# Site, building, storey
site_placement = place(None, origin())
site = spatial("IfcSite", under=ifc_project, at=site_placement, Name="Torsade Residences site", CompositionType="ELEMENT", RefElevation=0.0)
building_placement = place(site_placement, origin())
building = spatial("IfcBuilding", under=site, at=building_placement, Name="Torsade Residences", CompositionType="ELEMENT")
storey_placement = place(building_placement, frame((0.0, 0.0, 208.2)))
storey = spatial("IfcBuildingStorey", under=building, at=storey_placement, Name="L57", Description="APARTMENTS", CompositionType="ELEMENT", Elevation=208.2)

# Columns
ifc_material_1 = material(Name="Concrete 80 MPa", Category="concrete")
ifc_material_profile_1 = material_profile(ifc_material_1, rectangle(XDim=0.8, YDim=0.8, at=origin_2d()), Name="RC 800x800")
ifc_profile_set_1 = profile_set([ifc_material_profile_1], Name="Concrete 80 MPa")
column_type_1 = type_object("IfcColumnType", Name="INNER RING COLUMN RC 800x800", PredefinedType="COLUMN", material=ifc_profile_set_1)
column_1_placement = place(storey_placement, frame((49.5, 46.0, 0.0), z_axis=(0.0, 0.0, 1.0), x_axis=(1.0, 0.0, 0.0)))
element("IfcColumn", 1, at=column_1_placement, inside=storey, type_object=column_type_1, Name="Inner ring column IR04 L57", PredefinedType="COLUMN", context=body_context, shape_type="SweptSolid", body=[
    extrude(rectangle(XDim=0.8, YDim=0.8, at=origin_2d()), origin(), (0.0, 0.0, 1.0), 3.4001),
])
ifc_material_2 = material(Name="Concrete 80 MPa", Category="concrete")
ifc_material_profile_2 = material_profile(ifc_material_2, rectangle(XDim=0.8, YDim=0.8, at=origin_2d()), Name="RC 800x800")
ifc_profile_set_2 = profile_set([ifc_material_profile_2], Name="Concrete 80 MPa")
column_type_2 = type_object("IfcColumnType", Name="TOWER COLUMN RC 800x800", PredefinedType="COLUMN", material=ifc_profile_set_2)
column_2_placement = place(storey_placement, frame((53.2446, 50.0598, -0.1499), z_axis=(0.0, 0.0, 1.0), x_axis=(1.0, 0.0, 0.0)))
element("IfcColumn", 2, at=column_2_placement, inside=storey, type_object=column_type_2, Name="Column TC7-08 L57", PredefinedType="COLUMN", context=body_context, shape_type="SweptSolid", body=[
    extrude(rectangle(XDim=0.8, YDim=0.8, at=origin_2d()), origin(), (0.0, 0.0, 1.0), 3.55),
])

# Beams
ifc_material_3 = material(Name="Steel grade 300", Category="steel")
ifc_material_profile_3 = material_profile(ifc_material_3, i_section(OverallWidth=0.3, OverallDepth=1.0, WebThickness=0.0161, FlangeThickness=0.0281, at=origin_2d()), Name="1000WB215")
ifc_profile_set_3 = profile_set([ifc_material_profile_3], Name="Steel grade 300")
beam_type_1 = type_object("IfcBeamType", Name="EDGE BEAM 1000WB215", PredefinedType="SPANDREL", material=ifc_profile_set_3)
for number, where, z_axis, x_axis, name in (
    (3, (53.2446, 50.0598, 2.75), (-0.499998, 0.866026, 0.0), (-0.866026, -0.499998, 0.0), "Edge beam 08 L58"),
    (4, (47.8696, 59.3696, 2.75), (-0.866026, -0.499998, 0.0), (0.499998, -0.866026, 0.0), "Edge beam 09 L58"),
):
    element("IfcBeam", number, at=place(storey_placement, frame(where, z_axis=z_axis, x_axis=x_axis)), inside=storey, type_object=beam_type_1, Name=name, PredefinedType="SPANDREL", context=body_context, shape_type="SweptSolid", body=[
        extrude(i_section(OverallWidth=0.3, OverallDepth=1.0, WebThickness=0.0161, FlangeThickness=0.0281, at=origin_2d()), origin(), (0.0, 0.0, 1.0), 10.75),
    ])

* * *

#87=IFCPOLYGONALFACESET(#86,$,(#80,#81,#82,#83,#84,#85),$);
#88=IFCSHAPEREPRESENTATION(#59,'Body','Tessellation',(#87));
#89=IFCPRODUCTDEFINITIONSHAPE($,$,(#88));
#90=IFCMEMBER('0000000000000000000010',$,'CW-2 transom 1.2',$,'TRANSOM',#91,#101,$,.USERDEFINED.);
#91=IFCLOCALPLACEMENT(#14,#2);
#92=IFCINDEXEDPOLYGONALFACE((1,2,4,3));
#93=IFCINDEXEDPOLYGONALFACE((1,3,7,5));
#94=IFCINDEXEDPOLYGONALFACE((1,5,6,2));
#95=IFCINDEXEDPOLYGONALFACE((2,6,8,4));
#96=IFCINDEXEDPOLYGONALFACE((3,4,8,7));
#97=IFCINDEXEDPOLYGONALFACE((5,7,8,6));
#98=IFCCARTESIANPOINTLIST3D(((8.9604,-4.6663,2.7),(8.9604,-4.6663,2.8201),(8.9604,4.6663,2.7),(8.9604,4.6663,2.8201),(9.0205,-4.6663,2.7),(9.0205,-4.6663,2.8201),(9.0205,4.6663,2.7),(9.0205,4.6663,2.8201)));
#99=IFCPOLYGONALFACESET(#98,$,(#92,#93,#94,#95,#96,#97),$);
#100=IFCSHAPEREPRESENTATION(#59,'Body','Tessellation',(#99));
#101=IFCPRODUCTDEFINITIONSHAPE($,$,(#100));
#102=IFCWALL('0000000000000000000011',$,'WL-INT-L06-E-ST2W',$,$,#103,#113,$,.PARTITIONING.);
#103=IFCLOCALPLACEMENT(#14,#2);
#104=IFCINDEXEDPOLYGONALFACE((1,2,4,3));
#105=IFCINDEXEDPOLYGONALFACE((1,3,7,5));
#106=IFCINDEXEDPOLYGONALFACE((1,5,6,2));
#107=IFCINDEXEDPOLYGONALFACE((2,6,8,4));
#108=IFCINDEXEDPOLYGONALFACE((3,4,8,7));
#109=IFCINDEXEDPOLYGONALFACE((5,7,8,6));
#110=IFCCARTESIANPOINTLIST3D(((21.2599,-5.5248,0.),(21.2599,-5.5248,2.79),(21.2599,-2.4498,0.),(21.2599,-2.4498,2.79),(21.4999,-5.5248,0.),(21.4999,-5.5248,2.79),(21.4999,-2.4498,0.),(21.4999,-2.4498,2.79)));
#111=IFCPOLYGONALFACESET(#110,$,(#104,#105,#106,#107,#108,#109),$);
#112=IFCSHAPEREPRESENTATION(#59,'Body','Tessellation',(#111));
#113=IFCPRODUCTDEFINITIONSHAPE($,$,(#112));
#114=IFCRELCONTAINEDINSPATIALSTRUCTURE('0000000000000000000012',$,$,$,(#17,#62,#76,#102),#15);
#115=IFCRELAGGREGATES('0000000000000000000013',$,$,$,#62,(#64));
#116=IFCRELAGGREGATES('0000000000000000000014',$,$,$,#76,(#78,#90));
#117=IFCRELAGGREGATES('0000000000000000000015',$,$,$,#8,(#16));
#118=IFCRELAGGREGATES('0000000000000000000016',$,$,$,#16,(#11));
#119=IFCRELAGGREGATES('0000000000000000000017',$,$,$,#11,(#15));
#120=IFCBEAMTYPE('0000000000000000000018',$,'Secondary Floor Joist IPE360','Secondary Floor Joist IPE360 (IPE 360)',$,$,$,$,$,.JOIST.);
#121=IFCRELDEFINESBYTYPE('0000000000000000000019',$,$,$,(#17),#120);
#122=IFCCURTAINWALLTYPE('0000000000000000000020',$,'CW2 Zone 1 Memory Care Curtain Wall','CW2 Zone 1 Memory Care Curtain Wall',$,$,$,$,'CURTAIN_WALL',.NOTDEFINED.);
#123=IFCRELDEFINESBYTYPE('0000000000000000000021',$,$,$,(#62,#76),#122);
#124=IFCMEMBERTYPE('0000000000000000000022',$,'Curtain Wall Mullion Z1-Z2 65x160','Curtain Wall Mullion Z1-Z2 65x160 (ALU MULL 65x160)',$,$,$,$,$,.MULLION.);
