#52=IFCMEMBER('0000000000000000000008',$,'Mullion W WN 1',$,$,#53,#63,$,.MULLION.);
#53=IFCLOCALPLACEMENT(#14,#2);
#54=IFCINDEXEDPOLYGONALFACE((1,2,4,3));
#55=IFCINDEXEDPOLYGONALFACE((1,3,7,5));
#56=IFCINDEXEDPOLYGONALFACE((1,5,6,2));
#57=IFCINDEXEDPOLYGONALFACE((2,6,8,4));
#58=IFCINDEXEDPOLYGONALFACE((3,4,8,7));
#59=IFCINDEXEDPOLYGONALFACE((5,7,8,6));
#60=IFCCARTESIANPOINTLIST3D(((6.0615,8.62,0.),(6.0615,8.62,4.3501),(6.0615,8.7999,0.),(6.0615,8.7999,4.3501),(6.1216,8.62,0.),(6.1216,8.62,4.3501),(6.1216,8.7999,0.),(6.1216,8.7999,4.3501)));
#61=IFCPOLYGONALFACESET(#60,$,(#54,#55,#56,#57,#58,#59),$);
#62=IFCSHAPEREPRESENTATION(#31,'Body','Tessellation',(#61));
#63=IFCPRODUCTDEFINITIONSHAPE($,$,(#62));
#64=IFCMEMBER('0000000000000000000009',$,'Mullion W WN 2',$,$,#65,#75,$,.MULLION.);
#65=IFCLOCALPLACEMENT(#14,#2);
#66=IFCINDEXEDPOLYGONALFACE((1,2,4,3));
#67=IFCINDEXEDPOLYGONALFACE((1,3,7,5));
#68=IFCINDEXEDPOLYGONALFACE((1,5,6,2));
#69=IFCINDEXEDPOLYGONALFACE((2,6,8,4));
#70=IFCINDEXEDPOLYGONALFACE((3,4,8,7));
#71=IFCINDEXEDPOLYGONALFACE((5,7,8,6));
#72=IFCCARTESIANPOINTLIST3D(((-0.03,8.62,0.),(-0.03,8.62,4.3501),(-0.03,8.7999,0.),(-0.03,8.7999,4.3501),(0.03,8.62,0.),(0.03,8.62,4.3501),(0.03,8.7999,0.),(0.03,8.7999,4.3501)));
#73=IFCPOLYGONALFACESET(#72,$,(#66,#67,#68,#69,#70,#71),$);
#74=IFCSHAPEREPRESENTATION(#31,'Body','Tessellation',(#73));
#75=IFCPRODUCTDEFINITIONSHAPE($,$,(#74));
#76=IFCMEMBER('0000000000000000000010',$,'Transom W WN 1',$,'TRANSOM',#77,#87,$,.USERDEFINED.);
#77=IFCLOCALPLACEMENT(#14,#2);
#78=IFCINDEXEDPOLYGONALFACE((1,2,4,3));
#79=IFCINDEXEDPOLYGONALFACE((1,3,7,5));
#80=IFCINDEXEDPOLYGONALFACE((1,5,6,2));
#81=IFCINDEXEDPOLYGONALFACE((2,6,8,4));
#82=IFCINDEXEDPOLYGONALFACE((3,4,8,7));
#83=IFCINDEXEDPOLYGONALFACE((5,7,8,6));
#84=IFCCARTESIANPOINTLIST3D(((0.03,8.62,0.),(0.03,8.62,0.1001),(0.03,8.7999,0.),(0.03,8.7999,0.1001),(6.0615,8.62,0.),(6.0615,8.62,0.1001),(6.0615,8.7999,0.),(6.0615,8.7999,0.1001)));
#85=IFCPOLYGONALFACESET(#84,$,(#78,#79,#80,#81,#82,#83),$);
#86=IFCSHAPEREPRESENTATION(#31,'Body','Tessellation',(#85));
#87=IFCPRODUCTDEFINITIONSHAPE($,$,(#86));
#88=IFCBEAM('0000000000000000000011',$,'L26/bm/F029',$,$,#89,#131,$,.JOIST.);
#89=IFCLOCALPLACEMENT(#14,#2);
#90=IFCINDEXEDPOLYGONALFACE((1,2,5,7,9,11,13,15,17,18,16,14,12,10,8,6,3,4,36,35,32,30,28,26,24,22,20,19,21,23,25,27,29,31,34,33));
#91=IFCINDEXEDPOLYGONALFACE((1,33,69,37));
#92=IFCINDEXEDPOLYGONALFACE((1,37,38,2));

== GOAL OF THE EXERCISE ==
Your answer should be every line from the material above in which the word "FlangeThickness" appears.

== TASK RESPONSE ==
ifc_material_profile_3 = material_profile(ifc_material_3, i_section(OverallWidth=0.3, OverallDepth=1.0, WebThickness=0.0161, FlangeThickness=0.0281, at=origin_2d()), Name="1000WB215")
        extrude(i_section(OverallWidth=0.3, OverallDepth=1.0, WebThickness=0.0161, FlangeThickness=0.0281, at=origin_2d()), origin(), (0.0, 0.0, 1.0), 10.75),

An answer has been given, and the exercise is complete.